++++ Dataset extract
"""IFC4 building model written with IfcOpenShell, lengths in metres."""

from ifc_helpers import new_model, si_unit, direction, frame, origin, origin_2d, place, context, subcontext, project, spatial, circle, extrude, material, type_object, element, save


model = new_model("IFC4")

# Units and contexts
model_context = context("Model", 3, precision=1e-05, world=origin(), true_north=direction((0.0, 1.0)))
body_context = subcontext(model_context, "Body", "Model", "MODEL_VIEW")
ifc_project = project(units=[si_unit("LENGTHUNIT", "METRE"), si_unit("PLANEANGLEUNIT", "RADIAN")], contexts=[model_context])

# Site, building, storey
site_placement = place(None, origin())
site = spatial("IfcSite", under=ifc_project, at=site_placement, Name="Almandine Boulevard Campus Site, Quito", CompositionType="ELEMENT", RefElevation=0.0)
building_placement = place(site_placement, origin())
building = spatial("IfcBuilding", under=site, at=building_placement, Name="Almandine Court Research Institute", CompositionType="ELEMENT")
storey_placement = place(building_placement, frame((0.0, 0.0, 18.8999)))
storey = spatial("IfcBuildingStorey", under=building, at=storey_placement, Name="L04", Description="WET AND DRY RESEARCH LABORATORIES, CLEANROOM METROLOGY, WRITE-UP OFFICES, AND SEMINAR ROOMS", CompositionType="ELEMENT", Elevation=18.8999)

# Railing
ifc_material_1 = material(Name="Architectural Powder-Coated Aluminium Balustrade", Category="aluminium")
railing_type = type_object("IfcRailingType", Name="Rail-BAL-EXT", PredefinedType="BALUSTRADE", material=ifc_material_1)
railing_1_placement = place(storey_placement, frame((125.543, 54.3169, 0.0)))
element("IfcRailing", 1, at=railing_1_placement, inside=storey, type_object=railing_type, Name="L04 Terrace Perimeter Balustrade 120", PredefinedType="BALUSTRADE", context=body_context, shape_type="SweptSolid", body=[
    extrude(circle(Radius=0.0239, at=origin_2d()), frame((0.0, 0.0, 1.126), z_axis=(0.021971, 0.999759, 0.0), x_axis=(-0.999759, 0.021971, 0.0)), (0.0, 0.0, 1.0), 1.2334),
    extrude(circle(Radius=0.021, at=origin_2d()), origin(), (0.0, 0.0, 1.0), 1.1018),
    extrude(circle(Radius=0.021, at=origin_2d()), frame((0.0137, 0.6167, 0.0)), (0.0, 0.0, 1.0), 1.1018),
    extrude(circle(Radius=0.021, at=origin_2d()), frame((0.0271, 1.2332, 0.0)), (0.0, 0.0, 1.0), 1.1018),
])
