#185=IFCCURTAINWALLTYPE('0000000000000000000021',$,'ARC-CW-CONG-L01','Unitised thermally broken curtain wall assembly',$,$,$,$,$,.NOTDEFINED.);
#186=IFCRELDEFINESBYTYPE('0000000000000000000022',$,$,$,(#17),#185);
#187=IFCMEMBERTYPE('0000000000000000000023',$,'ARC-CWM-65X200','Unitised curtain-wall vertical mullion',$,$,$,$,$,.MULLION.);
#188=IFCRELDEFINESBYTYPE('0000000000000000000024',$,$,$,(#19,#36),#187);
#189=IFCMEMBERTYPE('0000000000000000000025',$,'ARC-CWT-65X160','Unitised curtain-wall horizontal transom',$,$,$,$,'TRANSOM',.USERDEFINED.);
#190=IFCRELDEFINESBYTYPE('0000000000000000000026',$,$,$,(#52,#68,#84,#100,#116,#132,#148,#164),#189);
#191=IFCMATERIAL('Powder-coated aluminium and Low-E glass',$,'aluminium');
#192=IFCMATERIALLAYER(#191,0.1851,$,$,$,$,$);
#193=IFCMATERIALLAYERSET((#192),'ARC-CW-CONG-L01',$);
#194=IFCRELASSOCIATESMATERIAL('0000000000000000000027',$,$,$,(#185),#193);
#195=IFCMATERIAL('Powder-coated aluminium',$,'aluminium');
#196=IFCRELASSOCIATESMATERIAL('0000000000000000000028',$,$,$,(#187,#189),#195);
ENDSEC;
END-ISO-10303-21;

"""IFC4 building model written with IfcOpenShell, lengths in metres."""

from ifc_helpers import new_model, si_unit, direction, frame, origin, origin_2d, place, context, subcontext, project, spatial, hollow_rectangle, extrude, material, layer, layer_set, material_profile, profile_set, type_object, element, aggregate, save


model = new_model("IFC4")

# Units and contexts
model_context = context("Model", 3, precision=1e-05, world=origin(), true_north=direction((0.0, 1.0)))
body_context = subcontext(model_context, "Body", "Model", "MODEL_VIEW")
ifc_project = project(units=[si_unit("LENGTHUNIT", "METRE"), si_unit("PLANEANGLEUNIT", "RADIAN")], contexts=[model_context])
++++++++
* [Prompt]
Please return the lines above exactly, from the first one down to the line with "site_placement = place(None, origin())", and stop after that line.

* [Result for this task]
"""IFC4 building model written with IfcOpenShell, lengths in metres."""

from ifc_helpers import new_model, si_unit, direction, frame, origin, origin_2d, place, context, subcontext, project, spatial, circle, extrude, material, type_object, element, save


model = new_model("IFC4")

# Units and contexts
model_context = context("Model", 3, precision=1e-05, world=origin(), true_north=direction((0.0, 1.0)))
body_context = subcontext(model_context, "Body", "Model", "MODEL_VIEW")
ifc_project = project(units=[si_unit("LENGTHUNIT", "METRE"), si_unit("PLANEANGLEUNIT", "RADIAN")], contexts=[model_context])

# Site, building, storey
site_placement = place(None, origin())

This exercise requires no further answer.